◆ Your goal ◆
Using the entries below, write out the line with "#41=IFCPOLYGONALFACESET(#40,$,(#34,#35,#36,#37,#38,#39),$);", the line with "#61=IFCINDEXEDPOLYGONALFACE((2,6,8,4));", and every line in between, exactly as each is written.

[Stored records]
'''
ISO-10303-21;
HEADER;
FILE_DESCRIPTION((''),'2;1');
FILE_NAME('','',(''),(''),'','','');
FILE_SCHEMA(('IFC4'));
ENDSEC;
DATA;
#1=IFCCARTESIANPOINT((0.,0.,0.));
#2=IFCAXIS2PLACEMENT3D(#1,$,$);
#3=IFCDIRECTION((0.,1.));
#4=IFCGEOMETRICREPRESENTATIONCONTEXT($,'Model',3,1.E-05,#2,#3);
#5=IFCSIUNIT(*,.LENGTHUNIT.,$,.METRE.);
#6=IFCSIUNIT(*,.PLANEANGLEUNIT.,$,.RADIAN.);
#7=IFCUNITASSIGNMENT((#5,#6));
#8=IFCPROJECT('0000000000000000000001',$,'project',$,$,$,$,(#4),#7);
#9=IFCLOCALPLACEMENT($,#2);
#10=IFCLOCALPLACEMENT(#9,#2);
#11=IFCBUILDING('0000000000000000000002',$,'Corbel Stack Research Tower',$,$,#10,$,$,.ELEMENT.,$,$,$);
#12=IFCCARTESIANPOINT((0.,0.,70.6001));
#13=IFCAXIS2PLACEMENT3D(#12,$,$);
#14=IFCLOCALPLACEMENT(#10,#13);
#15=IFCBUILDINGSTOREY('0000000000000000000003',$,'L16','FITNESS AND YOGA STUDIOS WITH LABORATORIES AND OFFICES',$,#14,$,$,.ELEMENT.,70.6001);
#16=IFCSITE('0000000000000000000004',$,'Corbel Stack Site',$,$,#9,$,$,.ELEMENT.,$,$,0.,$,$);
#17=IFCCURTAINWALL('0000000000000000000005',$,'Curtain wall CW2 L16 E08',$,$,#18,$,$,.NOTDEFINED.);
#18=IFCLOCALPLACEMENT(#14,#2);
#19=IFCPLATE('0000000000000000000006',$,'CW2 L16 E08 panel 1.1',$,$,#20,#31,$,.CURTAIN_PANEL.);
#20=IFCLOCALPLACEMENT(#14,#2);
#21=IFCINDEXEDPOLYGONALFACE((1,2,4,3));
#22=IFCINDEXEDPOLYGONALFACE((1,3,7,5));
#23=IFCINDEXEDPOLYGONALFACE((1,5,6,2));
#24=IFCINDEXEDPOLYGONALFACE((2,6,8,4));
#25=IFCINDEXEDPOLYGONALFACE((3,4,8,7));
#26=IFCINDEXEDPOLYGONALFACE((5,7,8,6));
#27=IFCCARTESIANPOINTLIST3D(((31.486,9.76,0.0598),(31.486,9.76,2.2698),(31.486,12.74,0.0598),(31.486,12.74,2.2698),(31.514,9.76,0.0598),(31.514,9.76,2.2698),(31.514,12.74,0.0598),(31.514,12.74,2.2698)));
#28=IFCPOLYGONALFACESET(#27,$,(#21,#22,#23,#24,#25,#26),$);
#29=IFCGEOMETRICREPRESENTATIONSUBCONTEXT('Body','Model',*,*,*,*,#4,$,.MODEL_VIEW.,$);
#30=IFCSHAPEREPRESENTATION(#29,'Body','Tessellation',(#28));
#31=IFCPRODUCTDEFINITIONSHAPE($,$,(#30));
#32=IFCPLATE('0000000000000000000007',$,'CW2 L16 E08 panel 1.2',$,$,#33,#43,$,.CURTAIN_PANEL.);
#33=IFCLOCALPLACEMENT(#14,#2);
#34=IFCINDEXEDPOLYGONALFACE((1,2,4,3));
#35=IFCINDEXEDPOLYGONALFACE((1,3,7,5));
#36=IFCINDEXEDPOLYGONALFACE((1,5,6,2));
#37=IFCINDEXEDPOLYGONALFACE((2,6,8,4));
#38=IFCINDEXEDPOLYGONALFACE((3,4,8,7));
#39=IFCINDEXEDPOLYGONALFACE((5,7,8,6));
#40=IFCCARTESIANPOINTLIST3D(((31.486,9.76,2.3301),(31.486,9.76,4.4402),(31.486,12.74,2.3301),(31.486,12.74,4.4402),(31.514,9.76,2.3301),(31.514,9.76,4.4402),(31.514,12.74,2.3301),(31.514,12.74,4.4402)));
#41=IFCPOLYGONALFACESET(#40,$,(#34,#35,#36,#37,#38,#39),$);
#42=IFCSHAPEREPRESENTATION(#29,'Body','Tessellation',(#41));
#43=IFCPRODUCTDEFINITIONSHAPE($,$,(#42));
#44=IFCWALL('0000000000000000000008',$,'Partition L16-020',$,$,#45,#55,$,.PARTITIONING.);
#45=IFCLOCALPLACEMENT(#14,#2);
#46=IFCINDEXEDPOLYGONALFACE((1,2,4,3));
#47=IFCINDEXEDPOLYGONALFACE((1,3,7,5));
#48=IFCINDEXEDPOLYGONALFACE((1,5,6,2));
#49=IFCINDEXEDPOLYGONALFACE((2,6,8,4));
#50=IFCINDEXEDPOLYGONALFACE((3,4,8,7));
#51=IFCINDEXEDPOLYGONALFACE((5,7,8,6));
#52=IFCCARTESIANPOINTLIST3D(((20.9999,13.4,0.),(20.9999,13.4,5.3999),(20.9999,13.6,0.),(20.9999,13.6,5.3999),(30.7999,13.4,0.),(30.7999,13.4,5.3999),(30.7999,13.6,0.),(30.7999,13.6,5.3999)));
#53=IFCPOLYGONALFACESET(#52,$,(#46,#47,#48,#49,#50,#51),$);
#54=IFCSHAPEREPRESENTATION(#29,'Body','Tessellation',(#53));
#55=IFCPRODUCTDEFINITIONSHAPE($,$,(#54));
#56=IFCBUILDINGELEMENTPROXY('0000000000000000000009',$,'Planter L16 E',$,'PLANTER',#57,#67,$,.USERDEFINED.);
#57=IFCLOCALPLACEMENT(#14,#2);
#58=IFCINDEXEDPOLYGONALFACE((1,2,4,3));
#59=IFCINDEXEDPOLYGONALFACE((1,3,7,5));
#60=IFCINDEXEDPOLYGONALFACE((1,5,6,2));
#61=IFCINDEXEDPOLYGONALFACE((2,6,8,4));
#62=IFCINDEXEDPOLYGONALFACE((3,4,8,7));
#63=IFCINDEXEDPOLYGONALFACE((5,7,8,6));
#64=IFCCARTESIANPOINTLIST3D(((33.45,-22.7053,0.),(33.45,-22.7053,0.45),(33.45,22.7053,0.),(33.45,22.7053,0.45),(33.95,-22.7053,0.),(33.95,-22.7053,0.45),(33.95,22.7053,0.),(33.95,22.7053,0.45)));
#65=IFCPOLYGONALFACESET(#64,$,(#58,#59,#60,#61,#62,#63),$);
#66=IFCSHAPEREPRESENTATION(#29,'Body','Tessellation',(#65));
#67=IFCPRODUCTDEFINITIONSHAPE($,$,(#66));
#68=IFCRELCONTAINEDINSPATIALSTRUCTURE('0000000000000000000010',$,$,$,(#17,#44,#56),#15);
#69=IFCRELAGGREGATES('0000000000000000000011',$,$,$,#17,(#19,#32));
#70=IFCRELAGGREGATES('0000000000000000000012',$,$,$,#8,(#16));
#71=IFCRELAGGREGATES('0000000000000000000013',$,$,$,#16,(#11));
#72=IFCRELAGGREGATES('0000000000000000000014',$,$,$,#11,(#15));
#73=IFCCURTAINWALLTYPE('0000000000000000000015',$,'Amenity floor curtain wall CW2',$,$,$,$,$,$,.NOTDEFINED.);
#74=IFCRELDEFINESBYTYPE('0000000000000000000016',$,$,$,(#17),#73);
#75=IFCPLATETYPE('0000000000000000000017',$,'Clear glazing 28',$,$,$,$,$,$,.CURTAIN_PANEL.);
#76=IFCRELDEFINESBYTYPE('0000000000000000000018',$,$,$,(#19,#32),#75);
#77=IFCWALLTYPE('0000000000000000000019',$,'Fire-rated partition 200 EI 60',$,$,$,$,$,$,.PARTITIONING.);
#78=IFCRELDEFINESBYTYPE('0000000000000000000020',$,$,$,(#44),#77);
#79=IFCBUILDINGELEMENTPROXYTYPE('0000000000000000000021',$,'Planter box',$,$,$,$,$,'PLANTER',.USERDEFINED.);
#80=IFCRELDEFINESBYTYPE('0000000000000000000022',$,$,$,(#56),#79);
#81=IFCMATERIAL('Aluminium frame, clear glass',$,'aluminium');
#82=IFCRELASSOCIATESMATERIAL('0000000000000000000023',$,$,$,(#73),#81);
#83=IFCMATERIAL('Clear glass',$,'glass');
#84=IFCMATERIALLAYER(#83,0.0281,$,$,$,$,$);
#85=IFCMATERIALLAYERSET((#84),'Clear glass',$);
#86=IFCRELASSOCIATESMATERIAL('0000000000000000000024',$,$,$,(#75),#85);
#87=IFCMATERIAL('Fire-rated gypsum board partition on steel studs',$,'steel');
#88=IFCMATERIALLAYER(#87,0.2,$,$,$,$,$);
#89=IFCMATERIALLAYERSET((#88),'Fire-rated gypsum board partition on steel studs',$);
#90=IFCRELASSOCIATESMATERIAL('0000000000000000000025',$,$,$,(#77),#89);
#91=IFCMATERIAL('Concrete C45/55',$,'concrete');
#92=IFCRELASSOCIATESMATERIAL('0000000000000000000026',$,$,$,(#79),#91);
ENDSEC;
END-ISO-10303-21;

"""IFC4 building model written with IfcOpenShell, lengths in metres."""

from ifc_helpers import new_model, si_unit, direction, frame, frame_2d, origin, origin_2d, place, context, subcontext, project, spatial, rectangle, extrude, material, layer, layer_set, type_object, element, aggregate, save


model = new_model("IFC4")

# Units and contexts
model_context = context("Model", 3, precision=1e-05, world=origin(), true_north=direction((0.0, 1.0)))
body_context = subcontext(model_context, "Body", "Model", "MODEL_VIEW")
ifc_project = project(units=[si_unit("LENGTHUNIT", "METRE"), si_unit("PLANEANGLEUNIT", "RADIAN")], contexts=[model_context])

# Site, building, storey
site_placement = place(None, origin())
site = spatial("IfcSite", under=ifc_project, at=site_placement, Name="Corbel Stack Site", CompositionType="ELEMENT", RefElevation=0.0)
building_placement = place(site_placement, origin())
building = spatial("IfcBuilding", under=site, at=building_placement, Name="Corbel Stack Research Tower", CompositionType="ELEMENT")
storey_placement = place(building_placement, frame((0.0, 0.0, 70.6001)))
storey = spatial("IfcBuildingStorey", under=building, at=storey_placement, Name="L16", Description="FITNESS AND YOGA STUDIOS WITH LABORATORIES AND OFFICES", CompositionType="ELEMENT", Elevation=70.6001)

# Curtain wall
ifc_material_1 = material(Name="Aluminium frame, clear glass", Category="aluminium")
curtain_wall_type = type_object("IfcCurtainWallType", Name="Amenity floor curtain wall CW2", PredefinedType="NOTDEFINED", material=ifc_material_1)
curtain_wall_1_placement = place(storey_placement, origin())
curtain_wall_1 = element("IfcCurtainWall", 1, at=curtain_wall_1_placement, inside=storey, type_object=curtain_wall_type, Name="Curtain wall CW2 L16 E08", PredefinedType="NOTDEFINED")

# Plates
ifc_material_2 = material(Name="Clear glass", Category="glass")
ifc_layer_1 = layer(ifc_material_2, 0.0281)
ifc_layer_set_1 = layer_set([ifc_layer_1], Name="Clear glass")
plate_type = type_object("IfcPlateType", Name="Clear glazing 28", PredefinedType="CURTAIN_PANEL", material=ifc_layer_set_1)
plate_1_placement = place(storey_placement, frame((31.5, 11.25, 0.0598), z_axis=(0.0, 0.0, 1.0), x_axis=(0.0, 1.0, 0.0)))
plate_1 = element("IfcPlate", 2, at=plate_1_placement, type_object=plate_type, Name="CW2 L16 E08 panel 1.1", PredefinedType="CURTAIN_PANEL", context=body_context, shape_type="SweptSolid", body=[
    extrude(rectangle(XDim=2.98, YDim=0.0281, at=origin_2d()), origin(), (0.0, 0.0, 1.0), 2.21),
])
plate_2_placement = place(storey_placement, frame((31.5, 11.25, 2.3301), z_axis=(0.0, 0.0, 1.0), x_axis=(0.0, 1.0, 0.0)))
plate_2 = element("IfcPlate", 3, at=plate_2_placement, type_object=plate_type, Name="CW2 L16 E08 panel 1.2", PredefinedType="CURTAIN_PANEL", context=body_context, shape_type="SweptSolid", body=[
    extrude(rectangle(XDim=2.98, YDim=0.0281, at=origin_2d()), origin(), (0.0, 0.0, 1.0), 2.1101),
])
aggregate(curtain_wall_1, [plate_1, plate_2])

# Wall
ifc_material_3 = material(Name="Fire-rated gypsum board partition on steel studs", Category="steel")
ifc_layer_2 = layer(ifc_material_3, 0.2)
ifc_layer_set_2 = layer_set([ifc_layer_2], Name="Fire-rated gypsum board partition on steel studs")
wall_type = type_object("IfcWallType", Name="Fire-rated partition 200 EI 60", PredefinedType="PARTITIONING", material=ifc_layer_set_2)
wall_placement = place(storey_placement, frame((21.0, 13.5, 0.0), z_axis=(0.0, 0.0, 1.0), x_axis=(1.0, 0.0, 0.0)))
element("IfcWall", 4, at=wall_placement, inside=storey, type_object=wall_type, Name="Partition L16-020", PredefinedType="PARTITIONING", context=body_context, shape_type="SweptSolid", body=[
    extrude(rectangle(XDim=9.8, YDim=0.2, at=frame_2d((4.8999, 0.0))), origin(), (0.0, 0.0, 1.0), 5.3999),
])

# Building element proxy
ifc_material_4 = material(Name="Concrete C45/55", Category="concrete")
building_element_proxy_type = type_object("IfcBuildingElementProxyType", Name="Planter box", ElementType="PLANTER", PredefinedType="USERDEFINED", material=ifc_material_4)
proxy_placement = place(storey_placement, frame((33.7, 0.0, 0.0), z_axis=(0.0, 0.0, 1.0), x_axis=(0.0, 1.0, 0.0)))
element("IfcBuildingElementProxy", 5, at=proxy_placement, inside=storey, type_object=building_element_proxy_type, Name="Planter L16 E", ObjectType="PLANTER", PredefinedType="USERDEFINED", context=body_context, shape_type="SweptSolid", body=[
    extrude(rectangle(XDim=45.4106, YDim=0.5, at=origin_2d()), origin(), (0.0, 0.0, 1.0), 0.45),
])

save(model, "model.ifc")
'''
◆ Written solution ◆
#41=IFCPOLYGONALFACESET(#40,$,(#34,#35,#36,#37,#38,#39),$);
#42=IFCSHAPEREPRESENTATION(#29,'Body','Tessellation',(#41));
#43=IFCPRODUCTDEFINITIONSHAPE($,$,(#42));
#44=IFCWALL('0000000000000000000008',$,'Partition L16-020',$,$,#45,#55,$,.PARTITIONING.);
#45=IFCLOCALPLACEMENT(#14,#2);
#46=IFCINDEXEDPOLYGONALFACE((1,2,4,3));
#47=IFCINDEXEDPOLYGONALFACE((1,3,7,5));
#48=IFCINDEXEDPOLYGONALFACE((1,5,6,2));
#49=IFCINDEXEDPOLYGONALFACE((2,6,8,4));
#50=IFCINDEXEDPOLYGONALFACE((3,4,8,7));
#51=IFCINDEXEDPOLYGONALFACE((5,7,8,6));
#52=IFCCARTESIANPOINTLIST3D(((20.9999,13.4,0.),(20.9999,13.4,5.3999),(20.9999,13.6,0.),(20.9999,13.6,5.3999),(30.7999,13.4,0.),(30.7999,13.4,5.3999),(30.7999,13.6,0.),(30.7999,13.6,5.3999)));
#53=IFCPOLYGONALFACESET(#52,$,(#46,#47,#48,#49,#50,#51),$);
#54=IFCSHAPEREPRESENTATION(#29,'Body','Tessellation',(#53));
#55=IFCPRODUCTDEFINITIONSHAPE($,$,(#54));
#56=IFCBUILDINGELEMENTPROXY('0000000000000000000009',$,'Planter L16 E',$,'PLANTER',#57,#67,$,.USERDEFINED.);
#57=IFCLOCALPLACEMENT(#14,#2);
#58=IFCINDEXEDPOLYGONALFACE((1,2,4,3));
#59=IFCINDEXEDPOLYGONALFACE((1,3,7,5));
#60=IFCINDEXEDPOLYGONALFACE((1,5,6,2));
#61=IFCINDEXEDPOLYGONALFACE((2,6,8,4));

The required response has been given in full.